_Exercise objective_:
From the data below, return the exact lines starting at the line containing "#214=IFCMATERIALLAYER(#210,0.0125,$,'Board',$,'Finish',$);" and ending at the line containing "#218=IFCMATERIALLAYER(#217,0.05,$,$,$,$,$);", both included, and nothing else.

_Task material_:
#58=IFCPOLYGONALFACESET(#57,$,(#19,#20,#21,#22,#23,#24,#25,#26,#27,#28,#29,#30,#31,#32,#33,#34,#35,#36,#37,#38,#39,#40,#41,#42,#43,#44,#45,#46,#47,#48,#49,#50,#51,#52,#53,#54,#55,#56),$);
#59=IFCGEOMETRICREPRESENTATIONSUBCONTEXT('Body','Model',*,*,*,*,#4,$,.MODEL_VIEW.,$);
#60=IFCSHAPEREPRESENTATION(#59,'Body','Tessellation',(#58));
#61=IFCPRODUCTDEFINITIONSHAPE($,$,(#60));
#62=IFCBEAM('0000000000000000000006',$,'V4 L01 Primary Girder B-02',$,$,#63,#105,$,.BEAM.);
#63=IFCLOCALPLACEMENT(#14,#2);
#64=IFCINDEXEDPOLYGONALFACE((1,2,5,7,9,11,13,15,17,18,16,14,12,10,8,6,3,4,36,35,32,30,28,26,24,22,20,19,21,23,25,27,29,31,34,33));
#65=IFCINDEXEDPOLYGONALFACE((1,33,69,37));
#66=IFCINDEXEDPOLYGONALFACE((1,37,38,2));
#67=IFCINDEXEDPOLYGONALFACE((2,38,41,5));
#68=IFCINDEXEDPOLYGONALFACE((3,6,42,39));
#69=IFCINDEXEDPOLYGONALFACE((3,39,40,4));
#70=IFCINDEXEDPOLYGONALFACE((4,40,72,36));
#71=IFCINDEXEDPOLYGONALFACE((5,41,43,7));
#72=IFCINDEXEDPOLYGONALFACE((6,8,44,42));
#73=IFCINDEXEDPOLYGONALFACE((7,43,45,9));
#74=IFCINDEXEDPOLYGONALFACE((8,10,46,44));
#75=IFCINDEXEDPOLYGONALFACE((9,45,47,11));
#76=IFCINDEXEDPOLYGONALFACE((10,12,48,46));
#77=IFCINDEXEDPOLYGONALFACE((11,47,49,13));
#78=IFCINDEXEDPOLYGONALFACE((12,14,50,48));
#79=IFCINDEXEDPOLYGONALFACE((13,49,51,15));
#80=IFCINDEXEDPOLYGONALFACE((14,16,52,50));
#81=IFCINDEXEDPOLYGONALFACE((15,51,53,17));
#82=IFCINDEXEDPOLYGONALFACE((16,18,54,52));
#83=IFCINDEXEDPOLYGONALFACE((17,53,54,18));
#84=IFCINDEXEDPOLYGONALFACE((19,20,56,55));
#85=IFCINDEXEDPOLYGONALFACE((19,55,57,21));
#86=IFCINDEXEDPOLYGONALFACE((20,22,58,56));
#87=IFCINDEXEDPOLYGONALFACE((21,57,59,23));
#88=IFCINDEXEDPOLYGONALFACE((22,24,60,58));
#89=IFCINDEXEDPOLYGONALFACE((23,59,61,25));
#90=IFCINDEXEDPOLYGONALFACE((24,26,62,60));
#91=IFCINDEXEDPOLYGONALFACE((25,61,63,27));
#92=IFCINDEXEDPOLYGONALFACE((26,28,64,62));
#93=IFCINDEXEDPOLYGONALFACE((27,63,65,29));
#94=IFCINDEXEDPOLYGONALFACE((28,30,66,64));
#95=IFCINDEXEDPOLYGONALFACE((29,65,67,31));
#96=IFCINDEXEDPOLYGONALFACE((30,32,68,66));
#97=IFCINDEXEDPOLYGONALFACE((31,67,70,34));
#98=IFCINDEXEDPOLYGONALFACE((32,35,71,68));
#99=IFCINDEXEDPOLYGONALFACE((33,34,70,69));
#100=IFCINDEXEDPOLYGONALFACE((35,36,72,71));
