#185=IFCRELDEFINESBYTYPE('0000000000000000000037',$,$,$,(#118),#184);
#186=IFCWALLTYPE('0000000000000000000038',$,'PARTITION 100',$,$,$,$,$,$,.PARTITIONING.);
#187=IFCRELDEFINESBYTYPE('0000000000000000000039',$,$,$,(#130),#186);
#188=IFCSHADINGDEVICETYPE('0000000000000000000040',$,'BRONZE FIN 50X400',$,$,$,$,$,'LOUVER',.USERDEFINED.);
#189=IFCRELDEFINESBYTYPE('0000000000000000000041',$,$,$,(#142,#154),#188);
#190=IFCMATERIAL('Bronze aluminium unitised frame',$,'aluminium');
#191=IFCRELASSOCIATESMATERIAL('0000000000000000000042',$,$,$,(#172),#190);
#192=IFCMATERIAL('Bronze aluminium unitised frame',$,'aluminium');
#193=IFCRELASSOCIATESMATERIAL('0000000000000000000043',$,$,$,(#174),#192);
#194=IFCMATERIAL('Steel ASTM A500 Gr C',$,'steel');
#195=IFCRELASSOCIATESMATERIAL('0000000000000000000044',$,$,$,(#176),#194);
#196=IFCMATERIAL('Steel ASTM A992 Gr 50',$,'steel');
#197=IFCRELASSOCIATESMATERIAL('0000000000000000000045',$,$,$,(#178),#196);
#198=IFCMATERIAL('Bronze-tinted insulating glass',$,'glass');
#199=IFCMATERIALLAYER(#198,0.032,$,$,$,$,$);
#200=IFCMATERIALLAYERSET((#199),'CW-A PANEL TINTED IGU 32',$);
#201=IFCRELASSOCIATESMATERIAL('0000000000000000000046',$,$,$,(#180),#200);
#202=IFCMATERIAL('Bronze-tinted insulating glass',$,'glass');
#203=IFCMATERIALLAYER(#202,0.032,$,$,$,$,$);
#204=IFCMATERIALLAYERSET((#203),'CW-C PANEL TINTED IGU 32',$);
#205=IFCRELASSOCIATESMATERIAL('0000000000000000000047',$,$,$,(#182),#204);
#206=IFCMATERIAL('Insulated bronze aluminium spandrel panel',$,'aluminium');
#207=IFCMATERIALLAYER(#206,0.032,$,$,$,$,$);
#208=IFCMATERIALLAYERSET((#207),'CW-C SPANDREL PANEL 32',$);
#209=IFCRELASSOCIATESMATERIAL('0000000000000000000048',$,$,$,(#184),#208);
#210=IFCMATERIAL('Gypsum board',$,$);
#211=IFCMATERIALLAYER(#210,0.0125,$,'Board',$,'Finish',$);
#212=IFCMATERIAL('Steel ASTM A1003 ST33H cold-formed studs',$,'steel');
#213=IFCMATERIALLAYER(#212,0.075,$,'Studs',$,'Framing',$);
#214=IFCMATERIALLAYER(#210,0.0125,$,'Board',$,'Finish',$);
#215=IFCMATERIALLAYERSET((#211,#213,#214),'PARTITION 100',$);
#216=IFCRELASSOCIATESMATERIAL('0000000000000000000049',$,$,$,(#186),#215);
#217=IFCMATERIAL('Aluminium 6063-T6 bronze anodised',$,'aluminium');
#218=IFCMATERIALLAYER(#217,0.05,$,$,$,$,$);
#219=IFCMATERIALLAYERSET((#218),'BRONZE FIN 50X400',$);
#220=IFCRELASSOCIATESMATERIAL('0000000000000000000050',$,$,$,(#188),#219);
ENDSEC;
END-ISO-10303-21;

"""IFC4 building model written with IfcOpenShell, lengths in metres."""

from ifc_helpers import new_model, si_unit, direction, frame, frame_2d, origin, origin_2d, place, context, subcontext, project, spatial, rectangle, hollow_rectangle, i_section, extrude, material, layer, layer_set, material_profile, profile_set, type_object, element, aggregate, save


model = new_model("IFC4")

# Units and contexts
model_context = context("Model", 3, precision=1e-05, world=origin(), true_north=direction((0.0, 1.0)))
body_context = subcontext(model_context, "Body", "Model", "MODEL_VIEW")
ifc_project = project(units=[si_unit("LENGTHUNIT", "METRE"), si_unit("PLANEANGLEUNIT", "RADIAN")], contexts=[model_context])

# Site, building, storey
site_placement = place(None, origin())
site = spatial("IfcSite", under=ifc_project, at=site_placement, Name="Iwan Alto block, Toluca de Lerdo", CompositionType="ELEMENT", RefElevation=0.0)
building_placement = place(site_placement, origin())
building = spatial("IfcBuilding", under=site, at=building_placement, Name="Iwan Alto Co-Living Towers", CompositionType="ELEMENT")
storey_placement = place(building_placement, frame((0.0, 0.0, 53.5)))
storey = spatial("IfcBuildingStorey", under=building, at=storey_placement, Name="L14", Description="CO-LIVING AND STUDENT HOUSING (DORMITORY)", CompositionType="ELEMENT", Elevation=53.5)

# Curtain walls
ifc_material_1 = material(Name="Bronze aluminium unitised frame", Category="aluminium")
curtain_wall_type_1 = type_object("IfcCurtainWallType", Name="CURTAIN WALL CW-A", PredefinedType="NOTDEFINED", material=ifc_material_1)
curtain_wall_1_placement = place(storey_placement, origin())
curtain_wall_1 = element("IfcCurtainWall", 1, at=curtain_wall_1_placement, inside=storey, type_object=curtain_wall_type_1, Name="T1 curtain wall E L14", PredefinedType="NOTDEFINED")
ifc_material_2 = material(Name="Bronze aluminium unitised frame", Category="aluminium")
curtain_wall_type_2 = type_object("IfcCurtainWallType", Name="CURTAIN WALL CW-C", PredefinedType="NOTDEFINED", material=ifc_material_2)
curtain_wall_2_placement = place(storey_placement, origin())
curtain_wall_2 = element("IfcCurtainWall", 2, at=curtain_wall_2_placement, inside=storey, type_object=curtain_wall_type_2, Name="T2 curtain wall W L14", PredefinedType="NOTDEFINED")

_Response to the task_:
#214=IFCMATERIALLAYER(#210,0.0125,$,'Board',$,'Finish',$);
#215=IFCMATERIALLAYERSET((#211,#213,#214),'PARTITION 100',$);
#216=IFCRELASSOCIATESMATERIAL('0000000000000000000049',$,$,$,(#186),#215);
#217=IFCMATERIAL('Aluminium 6063-T6 bronze anodised',$,'aluminium');
#218=IFCMATERIALLAYER(#217,0.05,$,$,$,$,$);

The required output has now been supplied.